** Opening Material to process block **
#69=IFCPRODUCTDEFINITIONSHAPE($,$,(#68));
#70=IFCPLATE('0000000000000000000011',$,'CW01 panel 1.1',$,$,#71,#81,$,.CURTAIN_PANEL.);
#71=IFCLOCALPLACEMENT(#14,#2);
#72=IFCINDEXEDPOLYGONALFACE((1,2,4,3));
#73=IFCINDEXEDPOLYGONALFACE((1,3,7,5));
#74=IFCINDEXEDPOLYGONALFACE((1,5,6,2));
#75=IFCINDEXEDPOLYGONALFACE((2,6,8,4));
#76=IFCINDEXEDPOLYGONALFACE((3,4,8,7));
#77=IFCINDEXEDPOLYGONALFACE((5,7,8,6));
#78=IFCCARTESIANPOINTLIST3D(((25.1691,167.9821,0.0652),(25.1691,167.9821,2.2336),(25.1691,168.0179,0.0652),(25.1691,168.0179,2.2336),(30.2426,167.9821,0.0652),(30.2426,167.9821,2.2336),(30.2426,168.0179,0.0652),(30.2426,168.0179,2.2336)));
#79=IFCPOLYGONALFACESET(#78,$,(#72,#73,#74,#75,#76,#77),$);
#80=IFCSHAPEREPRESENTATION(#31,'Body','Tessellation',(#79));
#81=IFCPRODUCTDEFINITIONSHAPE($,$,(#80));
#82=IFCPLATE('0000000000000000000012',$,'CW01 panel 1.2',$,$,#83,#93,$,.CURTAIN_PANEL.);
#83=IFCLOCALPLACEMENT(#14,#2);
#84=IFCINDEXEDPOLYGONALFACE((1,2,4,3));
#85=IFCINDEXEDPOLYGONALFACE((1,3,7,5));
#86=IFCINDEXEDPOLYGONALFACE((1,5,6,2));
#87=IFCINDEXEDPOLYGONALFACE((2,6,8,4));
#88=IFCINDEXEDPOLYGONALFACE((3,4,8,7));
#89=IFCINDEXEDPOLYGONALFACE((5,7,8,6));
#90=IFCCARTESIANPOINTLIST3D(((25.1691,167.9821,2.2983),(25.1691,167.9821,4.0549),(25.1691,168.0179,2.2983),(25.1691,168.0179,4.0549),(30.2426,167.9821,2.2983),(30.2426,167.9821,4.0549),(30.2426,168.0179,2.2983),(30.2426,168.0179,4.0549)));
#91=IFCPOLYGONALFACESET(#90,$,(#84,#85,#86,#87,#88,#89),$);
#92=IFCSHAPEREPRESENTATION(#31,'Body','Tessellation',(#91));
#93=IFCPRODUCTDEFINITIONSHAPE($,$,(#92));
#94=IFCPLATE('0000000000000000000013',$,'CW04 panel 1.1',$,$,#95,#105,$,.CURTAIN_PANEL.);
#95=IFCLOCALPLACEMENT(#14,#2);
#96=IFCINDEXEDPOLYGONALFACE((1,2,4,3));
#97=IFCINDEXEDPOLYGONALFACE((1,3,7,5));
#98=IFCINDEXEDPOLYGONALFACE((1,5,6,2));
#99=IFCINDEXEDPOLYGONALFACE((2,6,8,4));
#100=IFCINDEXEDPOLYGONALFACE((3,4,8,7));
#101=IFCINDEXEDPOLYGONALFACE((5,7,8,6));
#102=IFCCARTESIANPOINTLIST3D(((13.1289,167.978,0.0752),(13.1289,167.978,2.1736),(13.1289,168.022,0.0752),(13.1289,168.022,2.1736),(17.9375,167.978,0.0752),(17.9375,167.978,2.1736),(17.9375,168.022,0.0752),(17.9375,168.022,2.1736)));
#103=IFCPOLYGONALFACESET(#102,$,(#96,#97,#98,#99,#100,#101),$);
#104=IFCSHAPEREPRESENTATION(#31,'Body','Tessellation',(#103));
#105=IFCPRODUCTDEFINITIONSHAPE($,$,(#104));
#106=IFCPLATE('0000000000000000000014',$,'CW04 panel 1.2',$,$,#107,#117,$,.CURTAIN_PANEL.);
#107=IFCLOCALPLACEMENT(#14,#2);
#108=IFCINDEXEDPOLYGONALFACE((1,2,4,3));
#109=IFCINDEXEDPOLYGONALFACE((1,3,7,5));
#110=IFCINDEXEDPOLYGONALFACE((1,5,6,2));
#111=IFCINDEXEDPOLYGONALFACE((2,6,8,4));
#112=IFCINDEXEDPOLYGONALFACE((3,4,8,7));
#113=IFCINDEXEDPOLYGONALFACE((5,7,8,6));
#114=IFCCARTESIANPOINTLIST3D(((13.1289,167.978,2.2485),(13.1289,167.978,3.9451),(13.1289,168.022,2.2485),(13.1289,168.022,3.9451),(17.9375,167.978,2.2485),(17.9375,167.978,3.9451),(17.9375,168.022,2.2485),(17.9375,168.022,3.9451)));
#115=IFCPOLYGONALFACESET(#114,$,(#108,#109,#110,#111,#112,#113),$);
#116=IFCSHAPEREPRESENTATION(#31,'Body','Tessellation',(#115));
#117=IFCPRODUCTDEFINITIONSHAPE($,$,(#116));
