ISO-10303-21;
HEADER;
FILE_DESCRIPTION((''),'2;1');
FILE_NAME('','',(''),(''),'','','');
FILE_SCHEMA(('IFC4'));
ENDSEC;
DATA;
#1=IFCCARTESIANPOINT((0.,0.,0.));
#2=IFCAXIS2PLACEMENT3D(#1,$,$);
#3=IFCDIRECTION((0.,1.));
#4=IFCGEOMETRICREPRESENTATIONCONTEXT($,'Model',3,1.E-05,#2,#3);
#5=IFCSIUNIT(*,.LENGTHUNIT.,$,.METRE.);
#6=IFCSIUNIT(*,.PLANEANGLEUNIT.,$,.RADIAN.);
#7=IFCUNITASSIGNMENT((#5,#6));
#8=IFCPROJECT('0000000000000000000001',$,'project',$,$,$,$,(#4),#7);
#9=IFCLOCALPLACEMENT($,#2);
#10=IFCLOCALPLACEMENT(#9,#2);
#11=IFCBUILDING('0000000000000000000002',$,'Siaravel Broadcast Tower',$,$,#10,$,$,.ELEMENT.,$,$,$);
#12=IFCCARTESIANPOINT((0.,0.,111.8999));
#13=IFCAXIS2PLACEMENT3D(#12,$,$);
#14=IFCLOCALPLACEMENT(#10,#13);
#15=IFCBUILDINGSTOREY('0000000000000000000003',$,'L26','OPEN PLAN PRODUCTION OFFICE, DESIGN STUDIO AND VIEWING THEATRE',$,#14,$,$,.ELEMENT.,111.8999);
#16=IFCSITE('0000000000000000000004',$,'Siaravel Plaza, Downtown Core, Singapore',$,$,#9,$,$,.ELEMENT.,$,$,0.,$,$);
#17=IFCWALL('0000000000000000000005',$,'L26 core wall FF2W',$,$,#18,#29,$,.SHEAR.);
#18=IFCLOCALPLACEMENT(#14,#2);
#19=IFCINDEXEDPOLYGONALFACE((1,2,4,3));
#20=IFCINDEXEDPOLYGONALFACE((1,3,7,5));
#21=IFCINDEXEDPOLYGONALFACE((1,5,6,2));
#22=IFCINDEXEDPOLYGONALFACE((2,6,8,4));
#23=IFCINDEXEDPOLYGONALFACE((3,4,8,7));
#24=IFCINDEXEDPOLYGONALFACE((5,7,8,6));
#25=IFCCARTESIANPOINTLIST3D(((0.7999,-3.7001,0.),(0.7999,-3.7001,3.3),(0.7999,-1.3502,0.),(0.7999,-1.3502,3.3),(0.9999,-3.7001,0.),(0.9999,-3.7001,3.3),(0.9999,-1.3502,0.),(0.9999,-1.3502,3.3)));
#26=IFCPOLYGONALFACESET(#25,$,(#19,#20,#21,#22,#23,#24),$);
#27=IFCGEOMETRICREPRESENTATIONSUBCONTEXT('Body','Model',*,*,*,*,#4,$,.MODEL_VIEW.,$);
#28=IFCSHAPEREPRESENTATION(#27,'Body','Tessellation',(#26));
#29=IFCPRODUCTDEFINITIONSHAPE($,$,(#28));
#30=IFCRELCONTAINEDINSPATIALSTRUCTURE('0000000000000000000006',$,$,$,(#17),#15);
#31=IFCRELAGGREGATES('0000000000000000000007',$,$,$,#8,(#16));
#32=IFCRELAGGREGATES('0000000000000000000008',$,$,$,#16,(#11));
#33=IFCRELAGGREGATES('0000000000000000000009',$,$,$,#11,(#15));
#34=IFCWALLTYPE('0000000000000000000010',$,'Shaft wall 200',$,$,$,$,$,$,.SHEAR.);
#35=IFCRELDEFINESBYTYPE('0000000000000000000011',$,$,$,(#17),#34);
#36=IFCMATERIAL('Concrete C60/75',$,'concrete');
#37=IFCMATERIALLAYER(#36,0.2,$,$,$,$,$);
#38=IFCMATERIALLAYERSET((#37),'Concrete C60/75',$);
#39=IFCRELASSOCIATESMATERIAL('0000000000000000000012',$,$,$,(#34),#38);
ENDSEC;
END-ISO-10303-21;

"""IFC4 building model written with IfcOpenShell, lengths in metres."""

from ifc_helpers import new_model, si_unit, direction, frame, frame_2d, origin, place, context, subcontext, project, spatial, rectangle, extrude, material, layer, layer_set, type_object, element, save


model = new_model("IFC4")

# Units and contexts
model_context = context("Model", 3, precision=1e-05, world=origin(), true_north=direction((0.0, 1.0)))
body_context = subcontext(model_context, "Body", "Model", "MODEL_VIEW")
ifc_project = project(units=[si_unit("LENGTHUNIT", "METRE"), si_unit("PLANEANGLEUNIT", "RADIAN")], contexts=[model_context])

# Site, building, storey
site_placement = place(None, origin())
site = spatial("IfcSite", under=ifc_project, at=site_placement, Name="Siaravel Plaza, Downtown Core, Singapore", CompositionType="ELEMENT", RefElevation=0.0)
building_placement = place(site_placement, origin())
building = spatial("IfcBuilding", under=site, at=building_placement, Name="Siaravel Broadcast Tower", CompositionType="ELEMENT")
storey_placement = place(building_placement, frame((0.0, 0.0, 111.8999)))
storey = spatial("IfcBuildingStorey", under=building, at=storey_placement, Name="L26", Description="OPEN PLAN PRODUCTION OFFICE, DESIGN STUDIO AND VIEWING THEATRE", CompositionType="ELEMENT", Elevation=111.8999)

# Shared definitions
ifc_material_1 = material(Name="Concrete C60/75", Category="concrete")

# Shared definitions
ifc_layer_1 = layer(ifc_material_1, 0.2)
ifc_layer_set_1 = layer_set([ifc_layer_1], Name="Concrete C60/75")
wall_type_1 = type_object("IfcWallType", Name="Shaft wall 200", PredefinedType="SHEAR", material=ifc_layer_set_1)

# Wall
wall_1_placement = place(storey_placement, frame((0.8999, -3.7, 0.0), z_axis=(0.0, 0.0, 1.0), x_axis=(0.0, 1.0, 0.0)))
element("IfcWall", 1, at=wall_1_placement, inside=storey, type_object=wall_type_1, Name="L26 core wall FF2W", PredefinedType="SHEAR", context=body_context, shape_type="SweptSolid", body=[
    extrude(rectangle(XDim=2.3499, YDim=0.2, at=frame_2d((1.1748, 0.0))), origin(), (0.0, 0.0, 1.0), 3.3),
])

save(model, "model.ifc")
** Closing Material to process block **
## The problem
From the records above, repeat exactly the lines from the one with "FILE_DESCRIPTION((''),'2;1');" through the one with "#7=IFCUNITASSIGNMENT((#5,#6));", both included.

## Response to this exercise
FILE_DESCRIPTION((''),'2;1');
FILE_NAME('','',(''),(''),'','','');
FILE_SCHEMA(('IFC4'));
ENDSEC;
DATA;
#1=IFCCARTESIANPOINT((0.,0.,0.));
#2=IFCAXIS2PLACEMENT3D(#1,$,$);
#3=IFCDIRECTION((0.,1.));
#4=IFCGEOMETRICREPRESENTATIONCONTEXT($,'Model',3,1.E-05,#2,#3);
#5=IFCSIUNIT(*,.LENGTHUNIT.,$,.METRE.);
#6=IFCSIUNIT(*,.PLANEANGLEUNIT.,$,.RADIAN.);
#7=IFCUNITASSIGNMENT((#5,#6));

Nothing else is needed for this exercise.